## [Data supplied]
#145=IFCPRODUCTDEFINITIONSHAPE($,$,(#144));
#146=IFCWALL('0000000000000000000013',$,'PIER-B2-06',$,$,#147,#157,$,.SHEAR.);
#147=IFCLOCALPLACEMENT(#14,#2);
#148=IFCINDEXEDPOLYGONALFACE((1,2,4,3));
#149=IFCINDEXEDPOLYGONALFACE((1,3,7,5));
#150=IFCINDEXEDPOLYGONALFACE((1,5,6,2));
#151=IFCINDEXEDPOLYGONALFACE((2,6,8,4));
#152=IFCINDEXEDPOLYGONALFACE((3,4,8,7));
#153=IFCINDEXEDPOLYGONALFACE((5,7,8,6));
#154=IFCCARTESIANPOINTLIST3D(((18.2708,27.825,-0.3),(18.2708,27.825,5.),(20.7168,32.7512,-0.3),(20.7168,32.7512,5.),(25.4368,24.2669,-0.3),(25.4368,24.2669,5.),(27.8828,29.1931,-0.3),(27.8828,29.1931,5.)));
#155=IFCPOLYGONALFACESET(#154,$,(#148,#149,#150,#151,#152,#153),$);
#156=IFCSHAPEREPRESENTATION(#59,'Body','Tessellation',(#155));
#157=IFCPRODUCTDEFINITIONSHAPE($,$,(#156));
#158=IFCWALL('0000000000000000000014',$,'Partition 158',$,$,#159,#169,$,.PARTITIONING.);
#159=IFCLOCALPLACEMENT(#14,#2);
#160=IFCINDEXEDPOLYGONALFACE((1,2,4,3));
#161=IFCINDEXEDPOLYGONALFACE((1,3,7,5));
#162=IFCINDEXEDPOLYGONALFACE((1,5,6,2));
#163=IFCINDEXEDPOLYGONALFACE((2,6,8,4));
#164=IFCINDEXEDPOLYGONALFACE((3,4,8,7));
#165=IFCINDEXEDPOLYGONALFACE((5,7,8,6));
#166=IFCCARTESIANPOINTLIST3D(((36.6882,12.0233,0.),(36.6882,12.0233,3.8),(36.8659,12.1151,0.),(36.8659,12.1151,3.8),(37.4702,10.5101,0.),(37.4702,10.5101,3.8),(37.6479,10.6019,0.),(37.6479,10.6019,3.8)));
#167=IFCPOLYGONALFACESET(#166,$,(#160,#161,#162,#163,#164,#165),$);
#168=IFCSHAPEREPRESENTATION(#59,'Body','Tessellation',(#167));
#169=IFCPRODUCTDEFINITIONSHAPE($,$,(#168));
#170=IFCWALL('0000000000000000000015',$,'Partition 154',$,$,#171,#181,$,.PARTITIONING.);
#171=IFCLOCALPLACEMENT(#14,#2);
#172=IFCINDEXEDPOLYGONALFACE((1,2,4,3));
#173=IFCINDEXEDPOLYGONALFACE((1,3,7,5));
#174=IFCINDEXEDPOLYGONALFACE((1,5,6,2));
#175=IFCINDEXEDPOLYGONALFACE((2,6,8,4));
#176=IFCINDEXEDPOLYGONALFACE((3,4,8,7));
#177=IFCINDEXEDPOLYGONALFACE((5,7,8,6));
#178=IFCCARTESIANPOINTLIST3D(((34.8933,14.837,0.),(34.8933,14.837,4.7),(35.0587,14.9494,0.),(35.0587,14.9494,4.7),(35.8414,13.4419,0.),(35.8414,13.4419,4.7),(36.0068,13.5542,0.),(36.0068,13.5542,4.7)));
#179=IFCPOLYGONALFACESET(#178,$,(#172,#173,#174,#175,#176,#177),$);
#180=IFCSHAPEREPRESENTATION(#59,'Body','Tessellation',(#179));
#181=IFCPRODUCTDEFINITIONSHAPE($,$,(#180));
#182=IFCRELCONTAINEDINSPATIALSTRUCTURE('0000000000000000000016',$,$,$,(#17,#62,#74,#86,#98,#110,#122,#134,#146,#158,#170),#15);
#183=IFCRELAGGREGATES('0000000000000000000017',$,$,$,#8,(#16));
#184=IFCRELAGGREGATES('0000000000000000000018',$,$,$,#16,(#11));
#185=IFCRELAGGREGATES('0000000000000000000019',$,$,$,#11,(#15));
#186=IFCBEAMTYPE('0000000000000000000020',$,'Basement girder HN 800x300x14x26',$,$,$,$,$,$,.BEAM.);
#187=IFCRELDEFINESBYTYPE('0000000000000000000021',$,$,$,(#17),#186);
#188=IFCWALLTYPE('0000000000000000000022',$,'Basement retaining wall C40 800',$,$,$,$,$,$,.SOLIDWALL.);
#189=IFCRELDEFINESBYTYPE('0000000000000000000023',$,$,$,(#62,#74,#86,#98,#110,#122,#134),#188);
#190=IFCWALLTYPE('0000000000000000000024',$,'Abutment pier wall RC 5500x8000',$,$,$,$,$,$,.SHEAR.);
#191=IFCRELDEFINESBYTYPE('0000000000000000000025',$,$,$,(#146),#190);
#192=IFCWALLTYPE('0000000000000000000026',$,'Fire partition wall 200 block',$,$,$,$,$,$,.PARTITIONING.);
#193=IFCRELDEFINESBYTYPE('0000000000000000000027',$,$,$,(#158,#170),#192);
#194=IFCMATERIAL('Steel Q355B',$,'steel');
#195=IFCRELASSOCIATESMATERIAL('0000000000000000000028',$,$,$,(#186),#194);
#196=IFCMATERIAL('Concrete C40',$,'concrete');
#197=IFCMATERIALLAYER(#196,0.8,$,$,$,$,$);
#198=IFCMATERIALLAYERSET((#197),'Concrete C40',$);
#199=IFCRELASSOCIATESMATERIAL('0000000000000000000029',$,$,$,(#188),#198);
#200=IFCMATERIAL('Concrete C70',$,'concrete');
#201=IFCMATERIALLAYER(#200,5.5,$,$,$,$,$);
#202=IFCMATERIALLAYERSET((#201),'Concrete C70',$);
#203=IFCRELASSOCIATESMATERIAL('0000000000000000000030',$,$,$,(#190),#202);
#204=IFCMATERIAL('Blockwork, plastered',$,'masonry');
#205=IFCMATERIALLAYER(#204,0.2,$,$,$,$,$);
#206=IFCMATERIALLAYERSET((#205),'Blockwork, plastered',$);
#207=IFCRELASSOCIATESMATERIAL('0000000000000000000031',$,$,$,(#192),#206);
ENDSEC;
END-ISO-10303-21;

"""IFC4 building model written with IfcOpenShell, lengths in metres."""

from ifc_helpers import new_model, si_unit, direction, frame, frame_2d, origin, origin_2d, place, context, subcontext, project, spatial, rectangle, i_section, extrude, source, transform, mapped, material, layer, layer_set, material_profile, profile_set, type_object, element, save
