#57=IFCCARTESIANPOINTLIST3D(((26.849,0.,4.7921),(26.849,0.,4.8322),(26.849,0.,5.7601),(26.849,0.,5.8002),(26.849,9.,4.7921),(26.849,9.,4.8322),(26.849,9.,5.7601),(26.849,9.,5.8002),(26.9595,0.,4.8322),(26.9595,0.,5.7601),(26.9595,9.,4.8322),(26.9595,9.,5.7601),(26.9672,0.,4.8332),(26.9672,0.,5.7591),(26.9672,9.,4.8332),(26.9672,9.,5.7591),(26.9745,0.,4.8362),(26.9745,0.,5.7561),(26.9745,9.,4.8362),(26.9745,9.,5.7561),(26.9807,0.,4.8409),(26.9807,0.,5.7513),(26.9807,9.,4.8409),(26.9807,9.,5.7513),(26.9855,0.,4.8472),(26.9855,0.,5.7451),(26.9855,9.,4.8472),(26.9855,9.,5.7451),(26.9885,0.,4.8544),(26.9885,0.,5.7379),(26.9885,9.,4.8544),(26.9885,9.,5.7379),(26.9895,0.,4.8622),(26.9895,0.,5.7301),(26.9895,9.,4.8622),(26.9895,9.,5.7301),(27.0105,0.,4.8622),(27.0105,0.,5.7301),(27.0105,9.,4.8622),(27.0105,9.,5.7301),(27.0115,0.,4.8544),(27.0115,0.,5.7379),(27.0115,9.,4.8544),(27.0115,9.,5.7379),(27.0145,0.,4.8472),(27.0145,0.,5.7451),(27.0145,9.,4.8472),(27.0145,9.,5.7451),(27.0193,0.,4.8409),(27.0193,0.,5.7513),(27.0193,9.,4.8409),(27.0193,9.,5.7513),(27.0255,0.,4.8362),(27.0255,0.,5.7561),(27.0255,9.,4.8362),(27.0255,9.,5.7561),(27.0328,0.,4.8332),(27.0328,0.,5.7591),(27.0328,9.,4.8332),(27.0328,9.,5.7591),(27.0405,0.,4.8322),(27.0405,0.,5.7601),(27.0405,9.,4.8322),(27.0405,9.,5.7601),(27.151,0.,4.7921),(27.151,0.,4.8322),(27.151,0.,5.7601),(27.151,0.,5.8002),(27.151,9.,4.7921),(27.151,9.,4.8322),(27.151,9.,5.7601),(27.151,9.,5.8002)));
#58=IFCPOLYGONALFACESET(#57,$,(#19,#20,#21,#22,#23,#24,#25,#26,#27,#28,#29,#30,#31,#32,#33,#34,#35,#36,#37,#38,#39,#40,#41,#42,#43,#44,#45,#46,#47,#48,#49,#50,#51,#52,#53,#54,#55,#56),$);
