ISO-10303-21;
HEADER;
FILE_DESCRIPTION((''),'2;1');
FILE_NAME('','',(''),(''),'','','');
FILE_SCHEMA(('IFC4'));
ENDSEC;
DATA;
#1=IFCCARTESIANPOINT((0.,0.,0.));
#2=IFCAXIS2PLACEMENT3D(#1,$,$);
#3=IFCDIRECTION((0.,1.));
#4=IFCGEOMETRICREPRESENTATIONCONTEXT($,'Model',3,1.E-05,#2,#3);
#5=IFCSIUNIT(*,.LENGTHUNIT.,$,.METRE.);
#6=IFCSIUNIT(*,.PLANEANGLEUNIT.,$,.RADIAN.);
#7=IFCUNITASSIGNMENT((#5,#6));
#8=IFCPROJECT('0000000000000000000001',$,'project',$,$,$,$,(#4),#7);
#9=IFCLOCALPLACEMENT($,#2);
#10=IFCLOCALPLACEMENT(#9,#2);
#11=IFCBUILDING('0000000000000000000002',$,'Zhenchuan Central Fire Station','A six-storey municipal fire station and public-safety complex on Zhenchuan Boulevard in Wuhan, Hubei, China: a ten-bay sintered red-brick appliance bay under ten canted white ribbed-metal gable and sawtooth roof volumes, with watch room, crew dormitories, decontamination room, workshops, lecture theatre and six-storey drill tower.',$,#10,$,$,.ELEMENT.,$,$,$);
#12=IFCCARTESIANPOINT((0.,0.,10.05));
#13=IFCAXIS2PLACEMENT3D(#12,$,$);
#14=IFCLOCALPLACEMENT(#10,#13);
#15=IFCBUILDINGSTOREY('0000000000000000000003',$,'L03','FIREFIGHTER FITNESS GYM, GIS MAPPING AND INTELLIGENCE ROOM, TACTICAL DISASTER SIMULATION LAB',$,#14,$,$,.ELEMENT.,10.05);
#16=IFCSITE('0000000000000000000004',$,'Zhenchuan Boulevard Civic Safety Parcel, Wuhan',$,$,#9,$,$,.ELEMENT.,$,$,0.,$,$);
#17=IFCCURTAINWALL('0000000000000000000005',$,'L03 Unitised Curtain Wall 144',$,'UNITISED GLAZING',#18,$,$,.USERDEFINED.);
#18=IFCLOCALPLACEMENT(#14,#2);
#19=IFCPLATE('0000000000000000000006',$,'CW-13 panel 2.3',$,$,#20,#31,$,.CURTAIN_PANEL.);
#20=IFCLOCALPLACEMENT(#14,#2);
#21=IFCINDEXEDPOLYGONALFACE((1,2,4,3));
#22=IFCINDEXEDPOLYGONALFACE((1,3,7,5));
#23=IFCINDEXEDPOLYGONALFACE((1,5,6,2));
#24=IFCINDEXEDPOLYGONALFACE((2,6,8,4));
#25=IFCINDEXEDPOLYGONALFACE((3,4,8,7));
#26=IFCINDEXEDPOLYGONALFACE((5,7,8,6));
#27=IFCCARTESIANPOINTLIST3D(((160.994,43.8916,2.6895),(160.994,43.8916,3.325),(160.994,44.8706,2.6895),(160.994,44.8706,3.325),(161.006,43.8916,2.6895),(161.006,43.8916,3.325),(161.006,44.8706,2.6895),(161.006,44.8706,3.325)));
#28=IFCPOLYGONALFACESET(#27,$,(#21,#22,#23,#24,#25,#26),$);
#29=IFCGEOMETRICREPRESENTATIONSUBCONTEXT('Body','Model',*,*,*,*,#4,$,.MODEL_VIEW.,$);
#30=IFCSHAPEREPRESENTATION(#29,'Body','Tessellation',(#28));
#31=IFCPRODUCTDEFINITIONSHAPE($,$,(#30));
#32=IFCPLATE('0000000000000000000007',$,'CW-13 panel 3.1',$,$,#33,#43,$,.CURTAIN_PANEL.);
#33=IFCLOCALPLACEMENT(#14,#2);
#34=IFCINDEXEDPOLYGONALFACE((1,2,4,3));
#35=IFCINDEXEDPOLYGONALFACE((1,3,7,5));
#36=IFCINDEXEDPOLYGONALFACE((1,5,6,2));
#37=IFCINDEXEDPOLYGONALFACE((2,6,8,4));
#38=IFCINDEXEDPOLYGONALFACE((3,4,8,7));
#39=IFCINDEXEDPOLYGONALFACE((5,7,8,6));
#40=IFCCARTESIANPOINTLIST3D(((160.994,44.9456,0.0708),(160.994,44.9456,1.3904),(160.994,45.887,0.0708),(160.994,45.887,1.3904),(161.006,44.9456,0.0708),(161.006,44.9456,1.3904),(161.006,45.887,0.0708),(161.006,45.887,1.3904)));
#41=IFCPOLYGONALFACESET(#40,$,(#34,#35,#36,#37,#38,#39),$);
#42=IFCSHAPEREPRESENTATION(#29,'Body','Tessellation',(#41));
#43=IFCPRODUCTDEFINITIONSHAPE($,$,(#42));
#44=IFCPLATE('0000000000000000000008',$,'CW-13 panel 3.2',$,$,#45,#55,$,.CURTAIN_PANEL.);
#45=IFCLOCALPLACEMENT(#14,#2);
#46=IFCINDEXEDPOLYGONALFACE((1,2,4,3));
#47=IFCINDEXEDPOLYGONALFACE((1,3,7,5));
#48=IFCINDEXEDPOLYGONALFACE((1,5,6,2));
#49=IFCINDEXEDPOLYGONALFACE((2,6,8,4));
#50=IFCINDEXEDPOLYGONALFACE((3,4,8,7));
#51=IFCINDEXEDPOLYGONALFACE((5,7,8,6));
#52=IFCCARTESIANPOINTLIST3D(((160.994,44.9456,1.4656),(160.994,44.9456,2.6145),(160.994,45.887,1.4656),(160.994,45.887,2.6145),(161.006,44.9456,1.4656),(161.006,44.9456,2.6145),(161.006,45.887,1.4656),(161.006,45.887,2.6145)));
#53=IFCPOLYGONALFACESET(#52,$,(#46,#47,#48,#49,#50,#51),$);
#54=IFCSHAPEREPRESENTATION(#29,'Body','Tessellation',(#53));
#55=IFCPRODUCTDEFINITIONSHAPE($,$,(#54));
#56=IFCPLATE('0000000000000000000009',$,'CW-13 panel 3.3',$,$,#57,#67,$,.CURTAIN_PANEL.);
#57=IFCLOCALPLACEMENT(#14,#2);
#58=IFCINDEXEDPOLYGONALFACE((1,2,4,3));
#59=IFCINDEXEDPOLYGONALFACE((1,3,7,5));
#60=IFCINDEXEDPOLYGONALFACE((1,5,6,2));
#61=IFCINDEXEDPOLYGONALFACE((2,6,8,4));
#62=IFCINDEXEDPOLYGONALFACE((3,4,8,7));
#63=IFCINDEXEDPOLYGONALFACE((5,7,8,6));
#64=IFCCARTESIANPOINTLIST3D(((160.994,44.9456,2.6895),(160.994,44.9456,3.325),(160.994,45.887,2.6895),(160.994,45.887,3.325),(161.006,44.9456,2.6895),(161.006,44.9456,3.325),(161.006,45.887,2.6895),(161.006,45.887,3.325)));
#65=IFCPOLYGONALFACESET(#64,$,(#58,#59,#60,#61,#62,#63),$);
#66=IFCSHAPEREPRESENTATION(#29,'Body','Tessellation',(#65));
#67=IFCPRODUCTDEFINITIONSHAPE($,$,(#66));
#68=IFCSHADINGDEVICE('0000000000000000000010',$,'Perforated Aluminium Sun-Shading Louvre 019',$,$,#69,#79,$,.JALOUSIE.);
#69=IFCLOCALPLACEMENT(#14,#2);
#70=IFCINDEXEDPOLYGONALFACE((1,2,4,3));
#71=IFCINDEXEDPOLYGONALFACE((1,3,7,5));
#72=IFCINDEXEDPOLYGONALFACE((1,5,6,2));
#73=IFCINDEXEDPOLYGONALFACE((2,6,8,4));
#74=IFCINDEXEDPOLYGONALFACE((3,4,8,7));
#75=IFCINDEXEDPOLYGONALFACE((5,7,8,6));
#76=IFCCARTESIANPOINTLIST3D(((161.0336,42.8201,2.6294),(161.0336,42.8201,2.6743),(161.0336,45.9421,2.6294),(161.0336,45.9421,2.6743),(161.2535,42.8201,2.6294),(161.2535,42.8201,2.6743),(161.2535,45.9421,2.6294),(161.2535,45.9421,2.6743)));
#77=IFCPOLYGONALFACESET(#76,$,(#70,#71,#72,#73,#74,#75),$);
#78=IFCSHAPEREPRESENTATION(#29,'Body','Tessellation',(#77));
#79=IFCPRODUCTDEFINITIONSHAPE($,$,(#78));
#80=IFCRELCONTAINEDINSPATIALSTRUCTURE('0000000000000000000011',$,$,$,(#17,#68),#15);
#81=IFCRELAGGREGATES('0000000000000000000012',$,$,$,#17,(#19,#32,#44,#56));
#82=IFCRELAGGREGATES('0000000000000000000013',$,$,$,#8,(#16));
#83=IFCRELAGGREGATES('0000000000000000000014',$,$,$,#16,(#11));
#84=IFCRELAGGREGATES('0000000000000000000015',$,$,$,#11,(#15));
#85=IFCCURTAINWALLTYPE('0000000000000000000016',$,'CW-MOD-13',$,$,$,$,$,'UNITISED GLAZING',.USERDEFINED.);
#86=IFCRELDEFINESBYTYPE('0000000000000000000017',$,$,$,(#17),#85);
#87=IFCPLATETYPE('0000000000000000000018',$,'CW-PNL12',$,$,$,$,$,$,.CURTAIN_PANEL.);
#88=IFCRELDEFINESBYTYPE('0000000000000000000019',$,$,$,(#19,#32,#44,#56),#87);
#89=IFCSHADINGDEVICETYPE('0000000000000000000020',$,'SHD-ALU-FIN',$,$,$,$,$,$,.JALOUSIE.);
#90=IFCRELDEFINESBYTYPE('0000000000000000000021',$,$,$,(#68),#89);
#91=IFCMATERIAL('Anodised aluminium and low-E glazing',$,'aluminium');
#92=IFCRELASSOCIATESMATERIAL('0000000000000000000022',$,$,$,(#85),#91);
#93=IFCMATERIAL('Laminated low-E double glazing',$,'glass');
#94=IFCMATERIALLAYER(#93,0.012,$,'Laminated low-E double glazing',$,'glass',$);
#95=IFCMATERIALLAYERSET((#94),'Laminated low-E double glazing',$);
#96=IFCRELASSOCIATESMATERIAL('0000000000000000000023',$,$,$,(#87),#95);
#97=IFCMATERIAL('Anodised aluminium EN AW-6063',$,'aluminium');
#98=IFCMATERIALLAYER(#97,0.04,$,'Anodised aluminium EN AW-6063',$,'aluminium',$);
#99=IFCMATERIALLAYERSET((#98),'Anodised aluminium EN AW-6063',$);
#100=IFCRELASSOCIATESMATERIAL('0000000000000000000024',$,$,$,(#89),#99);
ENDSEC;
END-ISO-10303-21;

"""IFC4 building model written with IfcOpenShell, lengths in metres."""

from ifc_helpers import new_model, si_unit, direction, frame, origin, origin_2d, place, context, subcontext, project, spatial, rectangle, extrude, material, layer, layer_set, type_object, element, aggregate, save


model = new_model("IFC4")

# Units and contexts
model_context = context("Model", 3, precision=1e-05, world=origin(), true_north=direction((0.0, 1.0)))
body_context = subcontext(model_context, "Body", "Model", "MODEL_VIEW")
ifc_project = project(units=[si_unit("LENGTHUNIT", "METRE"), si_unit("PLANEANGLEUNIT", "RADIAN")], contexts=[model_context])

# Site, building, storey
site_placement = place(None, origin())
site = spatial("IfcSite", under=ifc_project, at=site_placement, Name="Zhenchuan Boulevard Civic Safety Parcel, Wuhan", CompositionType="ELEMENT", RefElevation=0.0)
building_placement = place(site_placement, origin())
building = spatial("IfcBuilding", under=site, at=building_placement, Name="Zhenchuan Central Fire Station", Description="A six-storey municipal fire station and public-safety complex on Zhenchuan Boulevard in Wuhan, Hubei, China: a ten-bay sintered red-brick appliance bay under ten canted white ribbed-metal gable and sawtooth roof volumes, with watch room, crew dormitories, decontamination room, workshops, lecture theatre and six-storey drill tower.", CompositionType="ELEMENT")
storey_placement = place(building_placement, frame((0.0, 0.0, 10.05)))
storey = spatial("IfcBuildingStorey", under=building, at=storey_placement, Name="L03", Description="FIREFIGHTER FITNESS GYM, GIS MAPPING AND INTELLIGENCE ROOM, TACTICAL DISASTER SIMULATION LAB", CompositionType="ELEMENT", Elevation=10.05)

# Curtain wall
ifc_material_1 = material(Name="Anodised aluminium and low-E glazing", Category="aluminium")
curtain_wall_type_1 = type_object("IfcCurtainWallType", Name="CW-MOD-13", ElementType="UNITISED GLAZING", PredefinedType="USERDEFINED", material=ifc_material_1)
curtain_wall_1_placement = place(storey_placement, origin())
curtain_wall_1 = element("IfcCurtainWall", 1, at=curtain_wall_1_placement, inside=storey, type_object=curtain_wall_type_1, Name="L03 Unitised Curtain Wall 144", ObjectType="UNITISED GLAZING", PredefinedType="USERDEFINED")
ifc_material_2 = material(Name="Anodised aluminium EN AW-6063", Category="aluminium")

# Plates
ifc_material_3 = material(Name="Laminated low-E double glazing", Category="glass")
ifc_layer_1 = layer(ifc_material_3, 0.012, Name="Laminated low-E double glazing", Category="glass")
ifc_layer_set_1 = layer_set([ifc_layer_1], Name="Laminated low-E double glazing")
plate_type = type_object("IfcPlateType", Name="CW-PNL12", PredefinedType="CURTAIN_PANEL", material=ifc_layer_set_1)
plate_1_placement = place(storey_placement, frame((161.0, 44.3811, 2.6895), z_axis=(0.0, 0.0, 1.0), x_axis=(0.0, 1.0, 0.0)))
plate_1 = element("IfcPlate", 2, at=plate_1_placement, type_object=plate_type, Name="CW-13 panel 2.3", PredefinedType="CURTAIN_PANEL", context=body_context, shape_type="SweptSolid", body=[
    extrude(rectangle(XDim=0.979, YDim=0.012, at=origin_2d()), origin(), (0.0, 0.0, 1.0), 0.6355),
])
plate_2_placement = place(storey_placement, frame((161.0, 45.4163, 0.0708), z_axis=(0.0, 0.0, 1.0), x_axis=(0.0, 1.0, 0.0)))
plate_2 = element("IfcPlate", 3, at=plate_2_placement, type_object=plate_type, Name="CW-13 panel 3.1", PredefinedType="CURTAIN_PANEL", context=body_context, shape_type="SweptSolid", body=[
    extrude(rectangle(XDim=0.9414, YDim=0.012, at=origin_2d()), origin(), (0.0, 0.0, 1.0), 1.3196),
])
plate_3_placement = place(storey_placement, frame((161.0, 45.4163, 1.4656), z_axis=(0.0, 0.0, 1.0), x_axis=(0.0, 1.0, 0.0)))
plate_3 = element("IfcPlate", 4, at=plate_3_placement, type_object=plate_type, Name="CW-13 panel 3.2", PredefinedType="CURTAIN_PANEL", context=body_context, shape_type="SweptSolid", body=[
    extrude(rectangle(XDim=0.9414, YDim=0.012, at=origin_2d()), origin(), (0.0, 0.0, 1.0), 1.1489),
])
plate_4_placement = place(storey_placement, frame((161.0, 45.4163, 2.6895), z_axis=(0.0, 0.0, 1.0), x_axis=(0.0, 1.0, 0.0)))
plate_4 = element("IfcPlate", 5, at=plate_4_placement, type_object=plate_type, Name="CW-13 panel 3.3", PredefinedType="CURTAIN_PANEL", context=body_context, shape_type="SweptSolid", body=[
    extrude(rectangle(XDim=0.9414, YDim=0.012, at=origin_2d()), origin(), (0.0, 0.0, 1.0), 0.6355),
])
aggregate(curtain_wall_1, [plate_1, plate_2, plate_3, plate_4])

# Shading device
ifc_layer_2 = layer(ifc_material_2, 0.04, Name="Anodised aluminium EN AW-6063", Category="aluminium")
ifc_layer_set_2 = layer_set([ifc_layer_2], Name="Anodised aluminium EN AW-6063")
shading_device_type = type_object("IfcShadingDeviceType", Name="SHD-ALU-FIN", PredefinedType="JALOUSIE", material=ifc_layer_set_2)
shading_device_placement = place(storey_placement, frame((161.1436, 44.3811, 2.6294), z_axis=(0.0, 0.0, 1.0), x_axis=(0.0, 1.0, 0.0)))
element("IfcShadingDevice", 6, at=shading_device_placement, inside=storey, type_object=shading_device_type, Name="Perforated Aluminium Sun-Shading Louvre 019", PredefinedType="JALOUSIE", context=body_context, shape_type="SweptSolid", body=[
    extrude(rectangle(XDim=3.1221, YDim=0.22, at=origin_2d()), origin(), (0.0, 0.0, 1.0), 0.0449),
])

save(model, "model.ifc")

## [What you have to do]
Could you return every line from the entries above in which the string "plastered" occurs?

## [Answer to this problem]
#204=IFCMATERIAL('Blockwork, plastered',$,'masonry');
#206=IFCMATERIALLAYERSET((#205),'Blockwork, plastered',$);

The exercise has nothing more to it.